Segment Start: Data shown

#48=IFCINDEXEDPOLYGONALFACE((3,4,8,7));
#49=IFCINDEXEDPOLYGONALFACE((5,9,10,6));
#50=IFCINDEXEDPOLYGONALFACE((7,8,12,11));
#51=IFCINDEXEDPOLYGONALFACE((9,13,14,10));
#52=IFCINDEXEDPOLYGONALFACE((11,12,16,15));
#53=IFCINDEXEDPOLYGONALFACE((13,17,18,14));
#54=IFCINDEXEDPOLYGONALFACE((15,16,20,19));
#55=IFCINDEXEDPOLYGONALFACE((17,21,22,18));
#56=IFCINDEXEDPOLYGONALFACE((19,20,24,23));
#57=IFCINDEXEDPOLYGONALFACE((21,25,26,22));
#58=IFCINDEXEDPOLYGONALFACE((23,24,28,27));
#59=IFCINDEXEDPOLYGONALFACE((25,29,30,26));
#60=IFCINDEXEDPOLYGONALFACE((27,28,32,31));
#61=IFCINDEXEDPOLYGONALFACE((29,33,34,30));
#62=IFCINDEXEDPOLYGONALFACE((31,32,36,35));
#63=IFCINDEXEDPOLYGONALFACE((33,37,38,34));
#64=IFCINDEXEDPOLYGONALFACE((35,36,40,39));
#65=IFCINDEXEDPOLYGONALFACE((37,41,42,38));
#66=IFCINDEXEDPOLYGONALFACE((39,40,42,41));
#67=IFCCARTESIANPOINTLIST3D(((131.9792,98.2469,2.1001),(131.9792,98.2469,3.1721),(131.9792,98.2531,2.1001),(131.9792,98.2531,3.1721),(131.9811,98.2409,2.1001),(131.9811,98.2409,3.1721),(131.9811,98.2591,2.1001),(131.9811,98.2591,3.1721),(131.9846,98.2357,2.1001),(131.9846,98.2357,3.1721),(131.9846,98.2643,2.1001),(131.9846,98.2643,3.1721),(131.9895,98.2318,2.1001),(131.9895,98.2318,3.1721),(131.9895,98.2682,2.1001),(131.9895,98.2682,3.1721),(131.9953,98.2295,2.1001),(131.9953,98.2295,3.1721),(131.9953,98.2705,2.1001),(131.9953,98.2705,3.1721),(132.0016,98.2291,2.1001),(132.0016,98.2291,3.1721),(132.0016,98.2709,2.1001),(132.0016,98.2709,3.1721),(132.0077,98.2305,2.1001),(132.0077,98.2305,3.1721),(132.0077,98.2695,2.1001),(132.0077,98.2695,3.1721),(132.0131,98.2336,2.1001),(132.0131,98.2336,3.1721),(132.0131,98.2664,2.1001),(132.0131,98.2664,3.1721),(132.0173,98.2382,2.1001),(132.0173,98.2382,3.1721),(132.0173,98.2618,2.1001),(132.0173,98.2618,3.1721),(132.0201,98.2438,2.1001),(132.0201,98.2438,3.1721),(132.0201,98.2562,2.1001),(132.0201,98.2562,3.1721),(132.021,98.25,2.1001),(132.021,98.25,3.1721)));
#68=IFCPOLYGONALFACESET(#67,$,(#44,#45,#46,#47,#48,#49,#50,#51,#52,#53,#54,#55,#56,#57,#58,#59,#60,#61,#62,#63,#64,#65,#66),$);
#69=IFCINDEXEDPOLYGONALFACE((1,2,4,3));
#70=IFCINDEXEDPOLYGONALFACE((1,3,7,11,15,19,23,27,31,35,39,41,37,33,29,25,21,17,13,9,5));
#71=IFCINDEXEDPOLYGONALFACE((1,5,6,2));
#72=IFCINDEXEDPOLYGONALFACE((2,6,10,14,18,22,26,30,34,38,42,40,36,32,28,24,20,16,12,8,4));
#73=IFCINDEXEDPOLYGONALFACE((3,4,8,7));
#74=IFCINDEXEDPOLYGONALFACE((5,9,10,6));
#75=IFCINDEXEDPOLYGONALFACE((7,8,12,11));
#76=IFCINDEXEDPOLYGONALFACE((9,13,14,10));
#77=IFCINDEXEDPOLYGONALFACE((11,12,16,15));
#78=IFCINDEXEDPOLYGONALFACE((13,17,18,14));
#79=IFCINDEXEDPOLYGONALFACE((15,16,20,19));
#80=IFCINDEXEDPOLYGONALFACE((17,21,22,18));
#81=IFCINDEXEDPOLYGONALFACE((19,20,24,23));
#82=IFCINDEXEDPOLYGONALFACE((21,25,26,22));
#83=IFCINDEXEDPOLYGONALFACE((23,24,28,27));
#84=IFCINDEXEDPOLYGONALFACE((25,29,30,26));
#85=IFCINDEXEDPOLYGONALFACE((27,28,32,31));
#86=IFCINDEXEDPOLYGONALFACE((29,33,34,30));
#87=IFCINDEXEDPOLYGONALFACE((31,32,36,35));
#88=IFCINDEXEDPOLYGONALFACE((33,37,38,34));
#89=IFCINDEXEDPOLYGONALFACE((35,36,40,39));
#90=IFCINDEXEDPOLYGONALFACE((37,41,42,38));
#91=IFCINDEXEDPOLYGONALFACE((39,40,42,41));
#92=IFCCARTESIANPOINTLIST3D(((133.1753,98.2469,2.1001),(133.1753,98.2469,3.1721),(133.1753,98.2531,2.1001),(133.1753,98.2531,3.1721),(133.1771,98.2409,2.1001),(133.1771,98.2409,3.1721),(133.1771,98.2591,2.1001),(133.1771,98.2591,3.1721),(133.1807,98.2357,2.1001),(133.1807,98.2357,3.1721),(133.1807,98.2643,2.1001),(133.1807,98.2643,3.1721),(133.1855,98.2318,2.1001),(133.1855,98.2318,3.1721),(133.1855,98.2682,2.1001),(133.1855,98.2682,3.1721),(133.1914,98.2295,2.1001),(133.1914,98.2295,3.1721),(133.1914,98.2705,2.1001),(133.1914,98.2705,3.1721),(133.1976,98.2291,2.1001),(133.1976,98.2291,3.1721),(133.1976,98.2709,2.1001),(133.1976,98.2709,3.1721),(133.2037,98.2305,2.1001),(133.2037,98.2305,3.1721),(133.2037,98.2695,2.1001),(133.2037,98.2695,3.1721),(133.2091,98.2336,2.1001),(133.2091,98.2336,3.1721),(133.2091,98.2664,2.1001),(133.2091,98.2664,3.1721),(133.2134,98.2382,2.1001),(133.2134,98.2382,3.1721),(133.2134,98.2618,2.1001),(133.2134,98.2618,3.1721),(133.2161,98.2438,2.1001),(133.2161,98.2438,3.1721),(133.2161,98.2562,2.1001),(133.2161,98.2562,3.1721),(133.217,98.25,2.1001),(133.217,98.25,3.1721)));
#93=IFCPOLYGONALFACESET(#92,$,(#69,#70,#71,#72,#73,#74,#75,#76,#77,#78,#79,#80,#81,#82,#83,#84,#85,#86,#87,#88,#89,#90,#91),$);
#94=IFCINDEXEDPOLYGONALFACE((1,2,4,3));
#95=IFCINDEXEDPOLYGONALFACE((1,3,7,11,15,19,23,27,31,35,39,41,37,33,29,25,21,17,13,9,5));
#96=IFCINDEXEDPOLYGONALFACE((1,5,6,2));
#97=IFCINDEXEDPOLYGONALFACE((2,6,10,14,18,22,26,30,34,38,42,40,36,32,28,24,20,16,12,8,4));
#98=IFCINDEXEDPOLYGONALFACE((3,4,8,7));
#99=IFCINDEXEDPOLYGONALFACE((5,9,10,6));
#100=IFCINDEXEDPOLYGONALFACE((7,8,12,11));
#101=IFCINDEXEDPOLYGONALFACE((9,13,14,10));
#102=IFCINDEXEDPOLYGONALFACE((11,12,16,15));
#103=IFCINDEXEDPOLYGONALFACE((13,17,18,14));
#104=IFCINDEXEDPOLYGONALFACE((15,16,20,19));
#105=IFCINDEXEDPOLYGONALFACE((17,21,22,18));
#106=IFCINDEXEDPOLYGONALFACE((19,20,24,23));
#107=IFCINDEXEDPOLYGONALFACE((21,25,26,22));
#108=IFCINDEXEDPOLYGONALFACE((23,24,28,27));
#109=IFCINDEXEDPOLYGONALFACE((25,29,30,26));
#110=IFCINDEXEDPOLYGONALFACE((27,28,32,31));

Segment End: Data shown

■ Your goal
Within the data above, the lines from the one with "#83=IFCINDEXEDPOLYGONALFACE((23,24,28,27));" to the one with "#100=IFCINDEXEDPOLYGONALFACE((7,8,12,11));" must be repeated exactly; no other line belongs in the answer.

■ Task solution
#83=IFCINDEXEDPOLYGONALFACE((23,24,28,27));
#84=IFCINDEXEDPOLYGONALFACE((25,29,30,26));
#85=IFCINDEXEDPOLYGONALFACE((27,28,32,31));
#86=IFCINDEXEDPOLYGONALFACE((29,33,34,30));
#87=IFCINDEXEDPOLYGONALFACE((31,32,36,35));
#88=IFCINDEXEDPOLYGONALFACE((33,37,38,34));
#89=IFCINDEXEDPOLYGONALFACE((35,36,40,39));
#90=IFCINDEXEDPOLYGONALFACE((37,41,42,38));
#91=IFCINDEXEDPOLYGONALFACE((39,40,42,41));
#92=IFCCARTESIANPOINTLIST3D(((133.1753,98.2469,2.1001),(133.1753,98.2469,3.1721),(133.1753,98.2531,2.1001),(133.1753,98.2531,3.1721),(133.1771,98.2409,2.1001),(133.1771,98.2409,3.1721),(133.1771,98.2591,2.1001),(133.1771,98.2591,3.1721),(133.1807,98.2357,2.1001),(133.1807,98.2357,3.1721),(133.1807,98.2643,2.1001),(133.1807,98.2643,3.1721),(133.1855,98.2318,2.1001),(133.1855,98.2318,3.1721),(133.1855,98.2682,2.1001),(133.1855,98.2682,3.1721),(133.1914,98.2295,2.1001),(133.1914,98.2295,3.1721),(133.1914,98.2705,2.1001),(133.1914,98.2705,3.1721),(133.1976,98.2291,2.1001),(133.1976,98.2291,3.1721),(133.1976,98.2709,2.1001),(133.1976,98.2709,3.1721),(133.2037,98.2305,2.1001),(133.2037,98.2305,3.1721),(133.2037,98.2695,2.1001),(133.2037,98.2695,3.1721),(133.2091,98.2336,2.1001),(133.2091,98.2336,3.1721),(133.2091,98.2664,2.1001),(133.2091,98.2664,3.1721),(133.2134,98.2382,2.1001),(133.2134,98.2382,3.1721),(133.2134,98.2618,2.1001),(133.2134,98.2618,3.1721),(133.2161,98.2438,2.1001),(133.2161,98.2438,3.1721),(133.2161,98.2562,2.1001),(133.2161,98.2562,3.1721),(133.217,98.25,2.1001),(133.217,98.25,3.1721)));
#93=IFCPOLYGONALFACESET(#92,$,(#69,#70,#71,#72,#73,#74,#75,#76,#77,#78,#79,#80,#81,#82,#83,#84,#85,#86,#87,#88,#89,#90,#91),$);
#94=IFCINDEXEDPOLYGONALFACE((1,2,4,3));
#95=IFCINDEXEDPOLYGONALFACE((1,3,7,11,15,19,23,27,31,35,39,41,37,33,29,25,21,17,13,9,5));
#96=IFCINDEXEDPOLYGONALFACE((1,5,6,2));
#97=IFCINDEXEDPOLYGONALFACE((2,6,10,14,18,22,26,30,34,38,42,40,36,32,28,24,20,16,12,8,4));
#98=IFCINDEXEDPOLYGONALFACE((3,4,8,7));
#99=IFCINDEXEDPOLYGONALFACE((5,9,10,6));
#100=IFCINDEXEDPOLYGONALFACE((7,8,12,11));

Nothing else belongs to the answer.